Lines holding the word "IFCSHAPEREPRESENTATION" are the ones to copy from the data below.
• • • •
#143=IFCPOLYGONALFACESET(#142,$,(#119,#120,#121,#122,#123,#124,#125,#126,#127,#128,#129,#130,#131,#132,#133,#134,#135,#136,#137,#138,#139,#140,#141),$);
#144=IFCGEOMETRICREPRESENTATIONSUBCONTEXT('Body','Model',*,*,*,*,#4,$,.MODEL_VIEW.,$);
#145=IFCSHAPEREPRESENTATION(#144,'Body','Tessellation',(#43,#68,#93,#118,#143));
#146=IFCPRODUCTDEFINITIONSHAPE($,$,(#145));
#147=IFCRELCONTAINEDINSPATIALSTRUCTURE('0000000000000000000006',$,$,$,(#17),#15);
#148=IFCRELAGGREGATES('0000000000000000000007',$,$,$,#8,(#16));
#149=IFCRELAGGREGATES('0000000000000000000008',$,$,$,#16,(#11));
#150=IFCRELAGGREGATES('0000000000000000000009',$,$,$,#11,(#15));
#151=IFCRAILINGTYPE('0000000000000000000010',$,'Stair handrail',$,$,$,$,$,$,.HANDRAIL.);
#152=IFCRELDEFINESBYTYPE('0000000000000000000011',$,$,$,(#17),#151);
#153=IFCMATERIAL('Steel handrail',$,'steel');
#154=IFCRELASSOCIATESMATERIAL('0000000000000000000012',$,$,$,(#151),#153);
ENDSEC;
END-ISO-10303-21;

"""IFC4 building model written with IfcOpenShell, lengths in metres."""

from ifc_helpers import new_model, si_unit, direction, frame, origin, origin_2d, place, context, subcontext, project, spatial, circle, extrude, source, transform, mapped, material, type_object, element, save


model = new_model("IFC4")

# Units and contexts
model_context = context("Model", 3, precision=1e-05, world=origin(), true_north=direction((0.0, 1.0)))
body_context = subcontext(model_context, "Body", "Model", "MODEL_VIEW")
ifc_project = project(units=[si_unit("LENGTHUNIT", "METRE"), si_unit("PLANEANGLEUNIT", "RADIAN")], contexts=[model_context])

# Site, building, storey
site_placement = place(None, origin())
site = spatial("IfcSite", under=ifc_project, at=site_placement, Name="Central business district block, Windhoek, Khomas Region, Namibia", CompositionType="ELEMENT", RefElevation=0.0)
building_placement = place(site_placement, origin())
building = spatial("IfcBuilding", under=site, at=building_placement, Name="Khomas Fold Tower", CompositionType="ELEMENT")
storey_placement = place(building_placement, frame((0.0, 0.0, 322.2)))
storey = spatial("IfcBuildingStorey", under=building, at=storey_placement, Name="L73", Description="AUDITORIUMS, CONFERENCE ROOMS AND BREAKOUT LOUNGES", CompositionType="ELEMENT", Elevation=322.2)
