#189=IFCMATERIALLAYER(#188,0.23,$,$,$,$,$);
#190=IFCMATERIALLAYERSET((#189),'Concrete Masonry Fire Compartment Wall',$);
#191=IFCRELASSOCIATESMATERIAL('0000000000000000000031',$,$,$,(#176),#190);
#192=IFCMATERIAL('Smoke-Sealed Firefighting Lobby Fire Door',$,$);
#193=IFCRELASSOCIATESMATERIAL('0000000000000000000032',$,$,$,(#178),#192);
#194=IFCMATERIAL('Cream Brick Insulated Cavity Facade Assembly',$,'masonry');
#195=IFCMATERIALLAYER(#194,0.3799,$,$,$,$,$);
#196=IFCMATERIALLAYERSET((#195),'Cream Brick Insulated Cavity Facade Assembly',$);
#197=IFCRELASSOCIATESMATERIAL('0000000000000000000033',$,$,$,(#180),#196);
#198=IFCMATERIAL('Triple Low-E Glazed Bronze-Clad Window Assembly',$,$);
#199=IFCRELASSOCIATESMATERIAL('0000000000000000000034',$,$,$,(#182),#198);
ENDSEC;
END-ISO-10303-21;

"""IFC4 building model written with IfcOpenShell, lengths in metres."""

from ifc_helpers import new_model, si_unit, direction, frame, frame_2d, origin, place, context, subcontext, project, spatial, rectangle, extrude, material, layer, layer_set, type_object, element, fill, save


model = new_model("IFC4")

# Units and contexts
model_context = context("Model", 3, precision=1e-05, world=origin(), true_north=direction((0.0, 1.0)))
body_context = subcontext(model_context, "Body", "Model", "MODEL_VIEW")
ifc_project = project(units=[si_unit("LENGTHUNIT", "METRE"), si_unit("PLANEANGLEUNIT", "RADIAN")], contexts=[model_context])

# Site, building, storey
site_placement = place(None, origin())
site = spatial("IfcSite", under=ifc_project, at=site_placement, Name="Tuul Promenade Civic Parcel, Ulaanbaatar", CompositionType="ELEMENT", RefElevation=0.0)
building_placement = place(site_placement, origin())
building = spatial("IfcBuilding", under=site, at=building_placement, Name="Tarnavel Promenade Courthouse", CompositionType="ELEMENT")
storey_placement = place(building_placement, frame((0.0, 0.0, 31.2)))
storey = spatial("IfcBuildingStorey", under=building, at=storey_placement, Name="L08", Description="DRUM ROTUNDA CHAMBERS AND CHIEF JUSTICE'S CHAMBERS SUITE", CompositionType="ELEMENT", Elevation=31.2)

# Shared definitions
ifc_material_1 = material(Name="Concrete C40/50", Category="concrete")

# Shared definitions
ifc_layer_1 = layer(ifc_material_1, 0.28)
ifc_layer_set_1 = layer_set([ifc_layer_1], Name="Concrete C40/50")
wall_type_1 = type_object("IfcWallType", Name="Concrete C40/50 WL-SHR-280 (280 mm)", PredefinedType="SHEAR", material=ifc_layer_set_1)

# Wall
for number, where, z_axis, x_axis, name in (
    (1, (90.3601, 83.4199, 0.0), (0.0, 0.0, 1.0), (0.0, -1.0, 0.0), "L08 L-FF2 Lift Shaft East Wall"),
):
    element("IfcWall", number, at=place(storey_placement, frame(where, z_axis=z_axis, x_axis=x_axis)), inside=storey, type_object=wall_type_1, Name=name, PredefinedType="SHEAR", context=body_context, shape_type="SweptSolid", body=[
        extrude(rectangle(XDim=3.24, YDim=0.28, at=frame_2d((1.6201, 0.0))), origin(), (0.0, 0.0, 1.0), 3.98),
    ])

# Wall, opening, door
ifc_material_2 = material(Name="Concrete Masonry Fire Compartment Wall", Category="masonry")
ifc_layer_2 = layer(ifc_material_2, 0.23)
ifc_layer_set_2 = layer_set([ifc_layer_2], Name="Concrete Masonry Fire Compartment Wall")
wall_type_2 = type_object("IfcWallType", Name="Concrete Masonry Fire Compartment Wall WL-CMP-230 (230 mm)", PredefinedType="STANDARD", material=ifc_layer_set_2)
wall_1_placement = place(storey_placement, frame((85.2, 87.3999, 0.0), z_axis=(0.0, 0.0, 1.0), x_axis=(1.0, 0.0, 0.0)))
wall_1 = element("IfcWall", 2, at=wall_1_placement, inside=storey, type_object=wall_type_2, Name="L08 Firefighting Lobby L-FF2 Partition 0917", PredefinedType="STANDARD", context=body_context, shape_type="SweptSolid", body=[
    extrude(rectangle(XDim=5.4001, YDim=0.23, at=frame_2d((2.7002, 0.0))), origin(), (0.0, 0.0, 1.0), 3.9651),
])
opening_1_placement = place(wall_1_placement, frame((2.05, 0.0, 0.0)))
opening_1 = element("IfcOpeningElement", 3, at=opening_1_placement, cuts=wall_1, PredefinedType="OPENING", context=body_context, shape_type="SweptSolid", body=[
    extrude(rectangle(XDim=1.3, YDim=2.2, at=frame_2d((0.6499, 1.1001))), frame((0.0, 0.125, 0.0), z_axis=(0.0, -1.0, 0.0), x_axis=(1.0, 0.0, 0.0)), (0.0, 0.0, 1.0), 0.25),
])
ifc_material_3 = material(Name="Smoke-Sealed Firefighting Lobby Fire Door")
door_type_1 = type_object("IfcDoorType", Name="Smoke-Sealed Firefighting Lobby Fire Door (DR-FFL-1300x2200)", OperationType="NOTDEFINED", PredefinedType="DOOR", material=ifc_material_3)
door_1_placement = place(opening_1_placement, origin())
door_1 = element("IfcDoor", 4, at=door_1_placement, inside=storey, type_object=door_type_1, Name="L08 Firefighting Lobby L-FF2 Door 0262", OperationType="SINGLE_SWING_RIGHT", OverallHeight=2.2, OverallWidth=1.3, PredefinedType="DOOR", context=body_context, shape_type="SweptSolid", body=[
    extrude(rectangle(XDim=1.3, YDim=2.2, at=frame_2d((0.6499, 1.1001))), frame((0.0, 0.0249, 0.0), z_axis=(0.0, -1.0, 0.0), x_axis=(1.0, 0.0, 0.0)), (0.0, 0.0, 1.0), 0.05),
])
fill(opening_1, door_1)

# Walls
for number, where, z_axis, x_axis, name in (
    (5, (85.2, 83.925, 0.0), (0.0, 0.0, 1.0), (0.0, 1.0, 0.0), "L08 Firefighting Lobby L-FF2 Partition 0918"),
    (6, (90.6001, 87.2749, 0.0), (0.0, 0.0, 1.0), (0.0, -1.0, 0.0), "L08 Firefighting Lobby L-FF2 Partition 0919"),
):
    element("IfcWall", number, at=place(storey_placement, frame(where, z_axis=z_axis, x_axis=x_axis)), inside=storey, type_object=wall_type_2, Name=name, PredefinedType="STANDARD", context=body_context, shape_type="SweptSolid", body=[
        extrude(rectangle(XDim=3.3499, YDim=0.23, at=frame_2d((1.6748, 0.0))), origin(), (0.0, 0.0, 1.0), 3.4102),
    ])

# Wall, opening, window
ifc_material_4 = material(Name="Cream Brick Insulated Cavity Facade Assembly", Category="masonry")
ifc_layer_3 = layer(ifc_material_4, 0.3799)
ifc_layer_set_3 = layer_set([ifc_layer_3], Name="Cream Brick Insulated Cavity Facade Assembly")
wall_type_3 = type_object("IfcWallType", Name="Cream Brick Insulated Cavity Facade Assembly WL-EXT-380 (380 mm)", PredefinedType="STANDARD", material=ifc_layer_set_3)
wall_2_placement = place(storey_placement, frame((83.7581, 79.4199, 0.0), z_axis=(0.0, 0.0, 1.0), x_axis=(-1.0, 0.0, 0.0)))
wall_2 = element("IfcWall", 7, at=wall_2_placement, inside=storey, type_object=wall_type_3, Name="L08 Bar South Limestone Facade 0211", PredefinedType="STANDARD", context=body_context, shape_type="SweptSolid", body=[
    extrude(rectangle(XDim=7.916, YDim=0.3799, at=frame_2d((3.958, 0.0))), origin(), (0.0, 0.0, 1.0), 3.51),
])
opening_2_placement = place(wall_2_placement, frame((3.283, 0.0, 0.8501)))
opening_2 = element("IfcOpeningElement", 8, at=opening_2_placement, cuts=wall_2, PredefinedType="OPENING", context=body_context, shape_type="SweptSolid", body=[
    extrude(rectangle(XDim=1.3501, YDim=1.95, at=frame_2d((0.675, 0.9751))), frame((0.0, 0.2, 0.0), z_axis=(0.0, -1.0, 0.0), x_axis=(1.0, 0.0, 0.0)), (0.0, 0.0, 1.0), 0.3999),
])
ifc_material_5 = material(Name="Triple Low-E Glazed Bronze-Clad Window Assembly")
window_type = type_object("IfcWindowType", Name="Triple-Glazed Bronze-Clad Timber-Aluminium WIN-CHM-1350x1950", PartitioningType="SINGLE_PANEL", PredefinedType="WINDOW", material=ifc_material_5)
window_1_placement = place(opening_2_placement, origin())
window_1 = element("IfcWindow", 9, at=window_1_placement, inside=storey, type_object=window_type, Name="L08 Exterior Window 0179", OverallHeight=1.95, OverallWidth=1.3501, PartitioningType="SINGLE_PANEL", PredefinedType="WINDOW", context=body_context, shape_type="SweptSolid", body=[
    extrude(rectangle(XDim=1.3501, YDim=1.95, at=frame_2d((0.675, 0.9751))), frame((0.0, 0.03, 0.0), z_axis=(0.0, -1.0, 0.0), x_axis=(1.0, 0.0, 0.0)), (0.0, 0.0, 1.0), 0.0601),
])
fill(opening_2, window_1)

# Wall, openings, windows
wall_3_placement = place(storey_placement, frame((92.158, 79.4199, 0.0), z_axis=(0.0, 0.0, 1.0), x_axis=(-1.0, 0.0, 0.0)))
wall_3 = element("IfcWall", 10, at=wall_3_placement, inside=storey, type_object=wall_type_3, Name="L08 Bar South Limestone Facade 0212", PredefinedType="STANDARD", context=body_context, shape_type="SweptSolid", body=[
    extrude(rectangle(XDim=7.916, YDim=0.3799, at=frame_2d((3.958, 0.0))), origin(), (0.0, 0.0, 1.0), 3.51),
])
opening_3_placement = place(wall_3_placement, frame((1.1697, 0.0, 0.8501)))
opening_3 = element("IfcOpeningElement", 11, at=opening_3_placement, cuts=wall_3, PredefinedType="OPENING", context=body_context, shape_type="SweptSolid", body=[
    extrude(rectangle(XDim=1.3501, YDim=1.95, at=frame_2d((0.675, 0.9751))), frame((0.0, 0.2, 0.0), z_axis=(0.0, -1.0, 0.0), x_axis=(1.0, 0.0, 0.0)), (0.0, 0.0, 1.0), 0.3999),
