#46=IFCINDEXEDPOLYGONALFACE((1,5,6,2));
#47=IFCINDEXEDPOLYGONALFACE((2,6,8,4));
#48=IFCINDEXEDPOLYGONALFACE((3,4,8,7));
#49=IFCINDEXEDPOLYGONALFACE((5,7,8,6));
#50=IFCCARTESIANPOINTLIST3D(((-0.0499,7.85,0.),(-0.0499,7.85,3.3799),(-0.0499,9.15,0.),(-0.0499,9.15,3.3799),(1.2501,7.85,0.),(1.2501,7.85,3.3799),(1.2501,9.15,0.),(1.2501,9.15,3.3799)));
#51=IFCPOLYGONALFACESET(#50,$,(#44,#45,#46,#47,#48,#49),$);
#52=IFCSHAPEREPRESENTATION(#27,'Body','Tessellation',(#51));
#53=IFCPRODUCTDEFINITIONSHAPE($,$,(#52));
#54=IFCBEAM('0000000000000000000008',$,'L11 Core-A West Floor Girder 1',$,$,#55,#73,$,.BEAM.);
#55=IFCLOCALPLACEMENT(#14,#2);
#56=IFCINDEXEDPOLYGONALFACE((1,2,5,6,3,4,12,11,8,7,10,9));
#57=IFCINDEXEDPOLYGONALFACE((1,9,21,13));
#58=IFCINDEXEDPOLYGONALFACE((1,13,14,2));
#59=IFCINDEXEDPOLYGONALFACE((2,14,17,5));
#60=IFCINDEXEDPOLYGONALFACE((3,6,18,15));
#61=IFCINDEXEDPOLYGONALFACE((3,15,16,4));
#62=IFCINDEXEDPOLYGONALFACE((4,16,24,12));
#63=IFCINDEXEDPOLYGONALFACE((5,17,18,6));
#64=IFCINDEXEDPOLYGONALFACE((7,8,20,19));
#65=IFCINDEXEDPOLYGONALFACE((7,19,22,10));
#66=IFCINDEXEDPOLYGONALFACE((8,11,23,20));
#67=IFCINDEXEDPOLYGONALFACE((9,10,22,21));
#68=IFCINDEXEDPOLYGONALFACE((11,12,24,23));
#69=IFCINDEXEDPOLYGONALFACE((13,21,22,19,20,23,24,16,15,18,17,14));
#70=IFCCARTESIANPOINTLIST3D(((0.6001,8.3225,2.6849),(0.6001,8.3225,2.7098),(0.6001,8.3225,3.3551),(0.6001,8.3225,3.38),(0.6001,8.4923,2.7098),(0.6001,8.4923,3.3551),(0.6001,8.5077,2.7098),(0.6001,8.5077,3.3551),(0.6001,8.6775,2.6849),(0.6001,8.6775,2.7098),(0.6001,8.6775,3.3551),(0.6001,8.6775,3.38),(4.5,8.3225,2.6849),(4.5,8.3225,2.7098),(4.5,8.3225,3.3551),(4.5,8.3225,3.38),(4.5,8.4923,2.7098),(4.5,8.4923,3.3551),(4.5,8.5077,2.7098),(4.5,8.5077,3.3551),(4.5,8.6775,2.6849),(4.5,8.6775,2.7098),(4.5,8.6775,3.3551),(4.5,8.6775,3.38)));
• • • •
> _Task output_
#145=IFCSHAPEREPRESENTATION(#144,'Body','Tessellation',(#43,#68,#93,#118,#143));
#52=IFCSHAPEREPRESENTATION(#27,'Body','Tessellation',(#51));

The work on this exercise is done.